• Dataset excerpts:
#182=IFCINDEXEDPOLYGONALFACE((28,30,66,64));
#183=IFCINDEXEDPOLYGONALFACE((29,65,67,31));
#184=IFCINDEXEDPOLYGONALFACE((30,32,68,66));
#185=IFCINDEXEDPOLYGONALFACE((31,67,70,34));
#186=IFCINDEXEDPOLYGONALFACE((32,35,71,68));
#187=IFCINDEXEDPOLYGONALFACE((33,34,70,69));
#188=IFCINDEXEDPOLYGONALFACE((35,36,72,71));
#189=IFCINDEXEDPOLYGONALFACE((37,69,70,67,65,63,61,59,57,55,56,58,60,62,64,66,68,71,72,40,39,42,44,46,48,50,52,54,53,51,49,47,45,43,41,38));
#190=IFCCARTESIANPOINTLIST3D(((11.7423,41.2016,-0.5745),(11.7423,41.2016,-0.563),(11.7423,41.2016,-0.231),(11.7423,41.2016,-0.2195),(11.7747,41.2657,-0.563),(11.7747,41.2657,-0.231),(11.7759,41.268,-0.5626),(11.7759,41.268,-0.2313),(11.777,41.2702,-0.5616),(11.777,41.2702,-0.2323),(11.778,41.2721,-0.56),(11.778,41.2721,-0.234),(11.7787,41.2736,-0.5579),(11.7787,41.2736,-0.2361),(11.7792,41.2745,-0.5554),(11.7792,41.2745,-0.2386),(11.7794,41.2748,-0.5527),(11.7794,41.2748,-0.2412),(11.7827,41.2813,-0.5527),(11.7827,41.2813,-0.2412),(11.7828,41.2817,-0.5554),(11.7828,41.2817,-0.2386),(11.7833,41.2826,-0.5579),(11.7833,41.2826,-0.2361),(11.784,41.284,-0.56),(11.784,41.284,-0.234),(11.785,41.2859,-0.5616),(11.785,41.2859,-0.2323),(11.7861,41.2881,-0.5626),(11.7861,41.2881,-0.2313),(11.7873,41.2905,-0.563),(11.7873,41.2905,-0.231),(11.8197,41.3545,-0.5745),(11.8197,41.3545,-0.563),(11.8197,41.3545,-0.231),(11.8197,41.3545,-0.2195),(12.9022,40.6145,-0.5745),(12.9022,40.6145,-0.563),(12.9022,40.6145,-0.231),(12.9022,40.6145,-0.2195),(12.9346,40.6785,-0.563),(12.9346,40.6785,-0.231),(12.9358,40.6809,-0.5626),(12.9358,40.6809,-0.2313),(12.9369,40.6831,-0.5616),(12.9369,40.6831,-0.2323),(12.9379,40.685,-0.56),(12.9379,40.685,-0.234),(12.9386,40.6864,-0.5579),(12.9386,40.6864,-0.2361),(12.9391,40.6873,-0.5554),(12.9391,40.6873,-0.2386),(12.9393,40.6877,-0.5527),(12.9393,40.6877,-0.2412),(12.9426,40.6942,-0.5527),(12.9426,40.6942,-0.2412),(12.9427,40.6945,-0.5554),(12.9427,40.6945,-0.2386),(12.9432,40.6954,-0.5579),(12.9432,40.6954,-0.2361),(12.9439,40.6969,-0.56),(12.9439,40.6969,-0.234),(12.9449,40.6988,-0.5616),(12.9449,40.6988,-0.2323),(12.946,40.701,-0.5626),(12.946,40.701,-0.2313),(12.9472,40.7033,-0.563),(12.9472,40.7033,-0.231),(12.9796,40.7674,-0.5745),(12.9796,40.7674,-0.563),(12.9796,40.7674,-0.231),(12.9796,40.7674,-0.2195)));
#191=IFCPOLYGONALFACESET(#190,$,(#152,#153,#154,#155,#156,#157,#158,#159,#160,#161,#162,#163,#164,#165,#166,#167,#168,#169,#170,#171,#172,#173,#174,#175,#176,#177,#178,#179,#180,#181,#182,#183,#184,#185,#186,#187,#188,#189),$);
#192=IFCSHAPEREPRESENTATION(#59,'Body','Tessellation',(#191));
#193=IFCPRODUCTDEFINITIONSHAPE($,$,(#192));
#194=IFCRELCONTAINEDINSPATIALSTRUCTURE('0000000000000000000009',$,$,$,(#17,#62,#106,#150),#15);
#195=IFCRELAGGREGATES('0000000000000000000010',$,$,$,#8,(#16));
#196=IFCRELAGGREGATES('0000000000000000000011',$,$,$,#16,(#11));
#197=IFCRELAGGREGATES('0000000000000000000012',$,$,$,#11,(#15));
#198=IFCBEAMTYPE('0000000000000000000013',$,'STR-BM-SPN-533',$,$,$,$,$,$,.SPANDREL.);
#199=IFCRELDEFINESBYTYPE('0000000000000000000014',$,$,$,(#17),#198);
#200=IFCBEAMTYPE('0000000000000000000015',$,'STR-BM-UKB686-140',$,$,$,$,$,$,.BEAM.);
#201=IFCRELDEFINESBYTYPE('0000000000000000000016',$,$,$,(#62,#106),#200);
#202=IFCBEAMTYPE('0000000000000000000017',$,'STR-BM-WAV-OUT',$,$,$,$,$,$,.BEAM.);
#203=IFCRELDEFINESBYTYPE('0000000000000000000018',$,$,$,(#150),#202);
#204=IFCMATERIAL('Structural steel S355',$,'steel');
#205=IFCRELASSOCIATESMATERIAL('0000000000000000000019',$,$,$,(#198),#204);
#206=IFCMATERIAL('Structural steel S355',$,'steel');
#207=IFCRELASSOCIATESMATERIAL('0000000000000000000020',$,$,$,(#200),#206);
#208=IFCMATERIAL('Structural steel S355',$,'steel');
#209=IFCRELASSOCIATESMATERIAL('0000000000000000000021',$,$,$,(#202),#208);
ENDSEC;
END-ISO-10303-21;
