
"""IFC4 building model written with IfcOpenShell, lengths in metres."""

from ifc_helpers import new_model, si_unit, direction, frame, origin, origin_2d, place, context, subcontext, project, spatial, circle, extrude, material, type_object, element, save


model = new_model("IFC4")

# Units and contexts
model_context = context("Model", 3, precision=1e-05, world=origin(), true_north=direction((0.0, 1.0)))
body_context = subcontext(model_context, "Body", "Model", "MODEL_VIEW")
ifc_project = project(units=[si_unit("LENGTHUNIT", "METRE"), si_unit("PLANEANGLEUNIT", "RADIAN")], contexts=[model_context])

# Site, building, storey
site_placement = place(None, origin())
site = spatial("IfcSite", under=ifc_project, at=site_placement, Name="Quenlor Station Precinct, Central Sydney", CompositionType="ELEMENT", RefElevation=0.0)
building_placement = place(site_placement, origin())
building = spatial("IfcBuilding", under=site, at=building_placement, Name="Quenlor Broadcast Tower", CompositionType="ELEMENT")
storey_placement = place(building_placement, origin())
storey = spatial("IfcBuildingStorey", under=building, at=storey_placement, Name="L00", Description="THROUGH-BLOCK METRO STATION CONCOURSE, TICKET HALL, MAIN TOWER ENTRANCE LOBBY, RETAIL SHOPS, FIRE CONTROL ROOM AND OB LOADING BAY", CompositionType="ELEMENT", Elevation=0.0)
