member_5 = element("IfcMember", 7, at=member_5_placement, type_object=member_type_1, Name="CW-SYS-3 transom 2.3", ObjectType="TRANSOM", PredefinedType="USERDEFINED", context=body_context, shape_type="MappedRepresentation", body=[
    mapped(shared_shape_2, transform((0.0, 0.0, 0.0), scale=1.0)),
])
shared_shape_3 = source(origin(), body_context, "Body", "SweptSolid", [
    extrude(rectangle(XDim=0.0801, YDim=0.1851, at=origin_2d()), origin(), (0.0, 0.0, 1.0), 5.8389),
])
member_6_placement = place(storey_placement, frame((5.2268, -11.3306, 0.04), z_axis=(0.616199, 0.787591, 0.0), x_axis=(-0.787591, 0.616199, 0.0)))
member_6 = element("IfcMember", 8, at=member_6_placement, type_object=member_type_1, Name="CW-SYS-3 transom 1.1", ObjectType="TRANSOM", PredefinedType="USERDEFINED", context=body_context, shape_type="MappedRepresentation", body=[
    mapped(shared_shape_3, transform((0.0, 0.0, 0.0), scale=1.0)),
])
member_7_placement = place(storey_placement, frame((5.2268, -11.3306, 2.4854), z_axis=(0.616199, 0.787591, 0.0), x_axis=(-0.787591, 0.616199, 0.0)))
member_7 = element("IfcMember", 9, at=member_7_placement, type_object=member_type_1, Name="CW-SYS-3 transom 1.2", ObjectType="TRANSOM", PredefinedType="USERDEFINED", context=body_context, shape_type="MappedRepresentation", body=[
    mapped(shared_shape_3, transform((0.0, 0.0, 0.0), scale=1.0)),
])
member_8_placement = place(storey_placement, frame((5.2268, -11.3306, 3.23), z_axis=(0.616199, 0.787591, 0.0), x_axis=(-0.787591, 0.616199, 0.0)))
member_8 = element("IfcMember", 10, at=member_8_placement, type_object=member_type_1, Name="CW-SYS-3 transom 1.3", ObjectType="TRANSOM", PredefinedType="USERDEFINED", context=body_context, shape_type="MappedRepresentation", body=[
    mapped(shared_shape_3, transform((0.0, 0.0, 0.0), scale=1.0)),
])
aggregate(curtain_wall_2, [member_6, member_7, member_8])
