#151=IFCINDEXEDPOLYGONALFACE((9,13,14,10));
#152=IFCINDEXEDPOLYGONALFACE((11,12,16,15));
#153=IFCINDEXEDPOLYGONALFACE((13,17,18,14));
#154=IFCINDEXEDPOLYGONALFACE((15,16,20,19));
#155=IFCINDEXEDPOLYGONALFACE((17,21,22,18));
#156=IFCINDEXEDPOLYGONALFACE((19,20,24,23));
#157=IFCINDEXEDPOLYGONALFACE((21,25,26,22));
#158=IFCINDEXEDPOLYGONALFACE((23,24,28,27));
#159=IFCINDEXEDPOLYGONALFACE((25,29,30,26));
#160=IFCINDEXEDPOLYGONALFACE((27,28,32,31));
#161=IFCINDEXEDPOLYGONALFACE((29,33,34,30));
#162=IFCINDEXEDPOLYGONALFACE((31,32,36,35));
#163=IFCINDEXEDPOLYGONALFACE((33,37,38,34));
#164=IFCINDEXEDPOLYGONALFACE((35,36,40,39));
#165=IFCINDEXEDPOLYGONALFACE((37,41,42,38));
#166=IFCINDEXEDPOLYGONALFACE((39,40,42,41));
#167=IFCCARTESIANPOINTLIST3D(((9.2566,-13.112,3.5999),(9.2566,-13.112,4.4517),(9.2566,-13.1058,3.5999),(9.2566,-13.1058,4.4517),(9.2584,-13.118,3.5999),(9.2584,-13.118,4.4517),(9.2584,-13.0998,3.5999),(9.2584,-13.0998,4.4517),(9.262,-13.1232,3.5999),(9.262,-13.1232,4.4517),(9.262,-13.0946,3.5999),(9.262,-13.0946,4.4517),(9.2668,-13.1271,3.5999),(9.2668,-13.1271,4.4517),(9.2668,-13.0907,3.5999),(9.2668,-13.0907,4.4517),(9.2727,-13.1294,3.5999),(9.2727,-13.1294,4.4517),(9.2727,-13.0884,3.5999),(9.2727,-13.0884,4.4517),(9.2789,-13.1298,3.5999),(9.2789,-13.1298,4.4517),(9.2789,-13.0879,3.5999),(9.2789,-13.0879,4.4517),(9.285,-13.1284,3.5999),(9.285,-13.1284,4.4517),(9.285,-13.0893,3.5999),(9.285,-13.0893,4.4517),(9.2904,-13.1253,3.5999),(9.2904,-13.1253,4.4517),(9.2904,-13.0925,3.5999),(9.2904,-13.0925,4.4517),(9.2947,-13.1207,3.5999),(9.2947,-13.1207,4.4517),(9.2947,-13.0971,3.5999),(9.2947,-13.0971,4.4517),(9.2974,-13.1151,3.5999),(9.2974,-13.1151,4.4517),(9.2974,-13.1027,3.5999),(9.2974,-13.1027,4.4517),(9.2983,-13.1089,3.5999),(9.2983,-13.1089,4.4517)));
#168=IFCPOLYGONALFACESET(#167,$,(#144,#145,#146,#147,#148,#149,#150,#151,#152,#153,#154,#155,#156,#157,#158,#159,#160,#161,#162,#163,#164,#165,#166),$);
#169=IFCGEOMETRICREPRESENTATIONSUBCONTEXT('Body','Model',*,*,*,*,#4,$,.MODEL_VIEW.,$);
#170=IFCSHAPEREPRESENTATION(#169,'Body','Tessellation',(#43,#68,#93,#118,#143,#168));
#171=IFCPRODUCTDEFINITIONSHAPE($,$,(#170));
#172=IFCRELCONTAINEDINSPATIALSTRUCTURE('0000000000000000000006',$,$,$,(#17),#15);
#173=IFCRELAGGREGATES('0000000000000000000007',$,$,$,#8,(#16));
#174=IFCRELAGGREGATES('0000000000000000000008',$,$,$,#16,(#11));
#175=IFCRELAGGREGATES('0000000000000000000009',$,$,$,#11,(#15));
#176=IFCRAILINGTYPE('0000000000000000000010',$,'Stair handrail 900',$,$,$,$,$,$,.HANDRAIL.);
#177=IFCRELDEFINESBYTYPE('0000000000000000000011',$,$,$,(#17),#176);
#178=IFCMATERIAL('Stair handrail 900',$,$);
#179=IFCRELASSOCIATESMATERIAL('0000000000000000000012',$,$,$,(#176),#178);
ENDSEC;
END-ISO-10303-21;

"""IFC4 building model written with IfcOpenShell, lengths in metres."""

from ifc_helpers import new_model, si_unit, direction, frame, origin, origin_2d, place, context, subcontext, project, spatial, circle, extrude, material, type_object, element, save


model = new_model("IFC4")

• Aim of the exercise: Please copy, word for word, every line from the first line of the records through the line containing "#187=IFCINDEXEDPOLYGONALFACE((33,34,70,69));", with both of those lines included and nothing else.

• Completed task:
#182=IFCINDEXEDPOLYGONALFACE((28,30,66,64));
#183=IFCINDEXEDPOLYGONALFACE((29,65,67,31));
#184=IFCINDEXEDPOLYGONALFACE((30,32,68,66));
#185=IFCINDEXEDPOLYGONALFACE((31,67,70,34));
#186=IFCINDEXEDPOLYGONALFACE((32,35,71,68));
#187=IFCINDEXEDPOLYGONALFACE((33,34,70,69));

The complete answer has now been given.